TASK DESCRIPTION: Among the entries below, take the line with "#63=IFCLOCALPLACEMENT(#14,#2);" and the line with "#68=IFCINDEXEDPOLYGONALFACE((3,7,8,4));", and output them and every line between them exactly, with nothing else.

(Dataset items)

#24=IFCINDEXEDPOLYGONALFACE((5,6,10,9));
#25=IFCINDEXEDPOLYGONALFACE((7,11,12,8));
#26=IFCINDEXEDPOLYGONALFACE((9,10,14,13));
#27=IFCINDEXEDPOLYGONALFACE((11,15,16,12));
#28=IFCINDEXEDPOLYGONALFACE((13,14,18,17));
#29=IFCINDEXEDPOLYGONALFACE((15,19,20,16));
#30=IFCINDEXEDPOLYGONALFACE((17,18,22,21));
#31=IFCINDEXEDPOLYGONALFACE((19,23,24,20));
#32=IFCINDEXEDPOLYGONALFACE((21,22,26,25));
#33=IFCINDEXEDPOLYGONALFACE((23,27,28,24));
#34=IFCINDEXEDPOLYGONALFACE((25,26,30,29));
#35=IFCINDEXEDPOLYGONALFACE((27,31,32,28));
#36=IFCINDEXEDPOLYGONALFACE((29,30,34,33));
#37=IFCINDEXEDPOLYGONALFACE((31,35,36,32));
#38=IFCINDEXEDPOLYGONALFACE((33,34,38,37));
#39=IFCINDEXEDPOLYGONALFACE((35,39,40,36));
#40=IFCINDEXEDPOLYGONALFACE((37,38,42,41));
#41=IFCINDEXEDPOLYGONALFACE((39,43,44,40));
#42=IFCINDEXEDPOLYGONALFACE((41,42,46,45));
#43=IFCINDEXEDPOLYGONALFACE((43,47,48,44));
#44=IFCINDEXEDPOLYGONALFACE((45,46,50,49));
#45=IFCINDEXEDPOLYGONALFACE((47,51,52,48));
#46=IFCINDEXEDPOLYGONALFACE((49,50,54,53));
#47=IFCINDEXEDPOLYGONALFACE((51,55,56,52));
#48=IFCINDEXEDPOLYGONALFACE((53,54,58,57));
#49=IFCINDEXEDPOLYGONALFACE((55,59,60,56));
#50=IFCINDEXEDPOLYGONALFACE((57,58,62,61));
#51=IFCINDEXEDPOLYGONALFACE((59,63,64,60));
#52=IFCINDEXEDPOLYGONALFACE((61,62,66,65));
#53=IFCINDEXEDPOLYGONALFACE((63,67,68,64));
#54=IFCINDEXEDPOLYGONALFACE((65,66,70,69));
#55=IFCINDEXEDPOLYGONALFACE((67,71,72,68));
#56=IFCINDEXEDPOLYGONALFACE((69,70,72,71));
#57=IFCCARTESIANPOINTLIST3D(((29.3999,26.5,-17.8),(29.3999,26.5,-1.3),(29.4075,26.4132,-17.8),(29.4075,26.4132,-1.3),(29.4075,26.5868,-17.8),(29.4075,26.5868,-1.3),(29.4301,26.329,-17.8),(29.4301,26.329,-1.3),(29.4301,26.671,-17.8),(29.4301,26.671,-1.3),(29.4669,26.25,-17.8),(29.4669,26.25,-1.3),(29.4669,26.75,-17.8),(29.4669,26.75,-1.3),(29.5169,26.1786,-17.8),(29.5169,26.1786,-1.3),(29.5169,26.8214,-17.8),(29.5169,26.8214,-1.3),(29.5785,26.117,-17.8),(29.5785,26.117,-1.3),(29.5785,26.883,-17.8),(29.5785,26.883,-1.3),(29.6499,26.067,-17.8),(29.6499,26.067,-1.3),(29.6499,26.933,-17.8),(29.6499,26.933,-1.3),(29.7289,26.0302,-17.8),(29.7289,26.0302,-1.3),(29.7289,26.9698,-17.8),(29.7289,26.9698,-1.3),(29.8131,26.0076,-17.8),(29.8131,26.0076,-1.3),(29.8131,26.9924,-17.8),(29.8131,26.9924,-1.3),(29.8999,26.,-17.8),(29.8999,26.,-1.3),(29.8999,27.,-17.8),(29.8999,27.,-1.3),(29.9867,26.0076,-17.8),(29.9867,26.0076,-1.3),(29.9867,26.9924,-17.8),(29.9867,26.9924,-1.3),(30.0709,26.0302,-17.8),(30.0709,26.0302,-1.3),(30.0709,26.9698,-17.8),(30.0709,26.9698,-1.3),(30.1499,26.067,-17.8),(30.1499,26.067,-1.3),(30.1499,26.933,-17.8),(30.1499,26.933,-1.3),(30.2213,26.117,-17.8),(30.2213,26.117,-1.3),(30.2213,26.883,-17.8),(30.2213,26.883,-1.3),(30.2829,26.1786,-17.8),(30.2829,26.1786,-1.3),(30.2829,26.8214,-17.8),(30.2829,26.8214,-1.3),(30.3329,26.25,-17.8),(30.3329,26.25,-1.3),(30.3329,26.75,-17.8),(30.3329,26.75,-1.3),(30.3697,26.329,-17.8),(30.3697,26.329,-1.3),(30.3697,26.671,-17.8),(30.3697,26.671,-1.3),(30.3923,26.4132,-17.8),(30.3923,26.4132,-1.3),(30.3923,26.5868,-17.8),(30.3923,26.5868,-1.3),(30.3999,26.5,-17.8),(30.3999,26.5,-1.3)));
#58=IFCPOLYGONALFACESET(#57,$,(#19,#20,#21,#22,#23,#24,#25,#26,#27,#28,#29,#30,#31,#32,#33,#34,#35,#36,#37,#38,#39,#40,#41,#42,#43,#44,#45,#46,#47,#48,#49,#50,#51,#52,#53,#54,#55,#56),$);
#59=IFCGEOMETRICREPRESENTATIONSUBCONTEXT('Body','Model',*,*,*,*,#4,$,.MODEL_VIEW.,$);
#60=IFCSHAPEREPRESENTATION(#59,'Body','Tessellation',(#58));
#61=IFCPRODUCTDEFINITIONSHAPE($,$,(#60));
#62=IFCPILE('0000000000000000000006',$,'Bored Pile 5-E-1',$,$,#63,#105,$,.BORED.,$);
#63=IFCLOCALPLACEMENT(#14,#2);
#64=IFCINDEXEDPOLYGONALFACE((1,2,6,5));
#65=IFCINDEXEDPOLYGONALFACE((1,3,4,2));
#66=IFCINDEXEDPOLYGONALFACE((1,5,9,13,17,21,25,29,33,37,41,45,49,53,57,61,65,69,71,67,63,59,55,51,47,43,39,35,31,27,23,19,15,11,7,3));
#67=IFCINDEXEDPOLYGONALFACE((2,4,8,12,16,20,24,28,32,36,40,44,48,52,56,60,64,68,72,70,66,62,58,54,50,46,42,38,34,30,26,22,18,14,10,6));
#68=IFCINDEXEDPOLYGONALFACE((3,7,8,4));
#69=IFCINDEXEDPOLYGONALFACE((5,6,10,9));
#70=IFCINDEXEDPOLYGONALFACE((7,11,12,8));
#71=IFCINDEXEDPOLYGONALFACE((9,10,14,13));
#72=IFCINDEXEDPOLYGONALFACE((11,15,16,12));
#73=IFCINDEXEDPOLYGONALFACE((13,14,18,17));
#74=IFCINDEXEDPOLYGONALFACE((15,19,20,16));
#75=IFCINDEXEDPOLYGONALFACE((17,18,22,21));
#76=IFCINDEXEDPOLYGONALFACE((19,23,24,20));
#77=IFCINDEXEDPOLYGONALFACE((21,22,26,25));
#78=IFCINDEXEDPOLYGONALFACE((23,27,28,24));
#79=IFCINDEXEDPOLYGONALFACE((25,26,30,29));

EXERCISE RESPONSE:
#63=IFCLOCALPLACEMENT(#14,#2);
#64=IFCINDEXEDPOLYGONALFACE((1,2,6,5));
#65=IFCINDEXEDPOLYGONALFACE((1,3,4,2));
#66=IFCINDEXEDPOLYGONALFACE((1,5,9,13,17,21,25,29,33,37,41,45,49,53,57,61,65,69,71,67,63,59,55,51,47,43,39,35,31,27,23,19,15,11,7,3));
#67=IFCINDEXEDPOLYGONALFACE((2,4,8,12,16,20,24,28,32,36,40,44,48,52,56,60,64,68,72,70,66,62,58,54,50,46,42,38,34,30,26,22,18,14,10,6));
#68=IFCINDEXEDPOLYGONALFACE((3,7,8,4));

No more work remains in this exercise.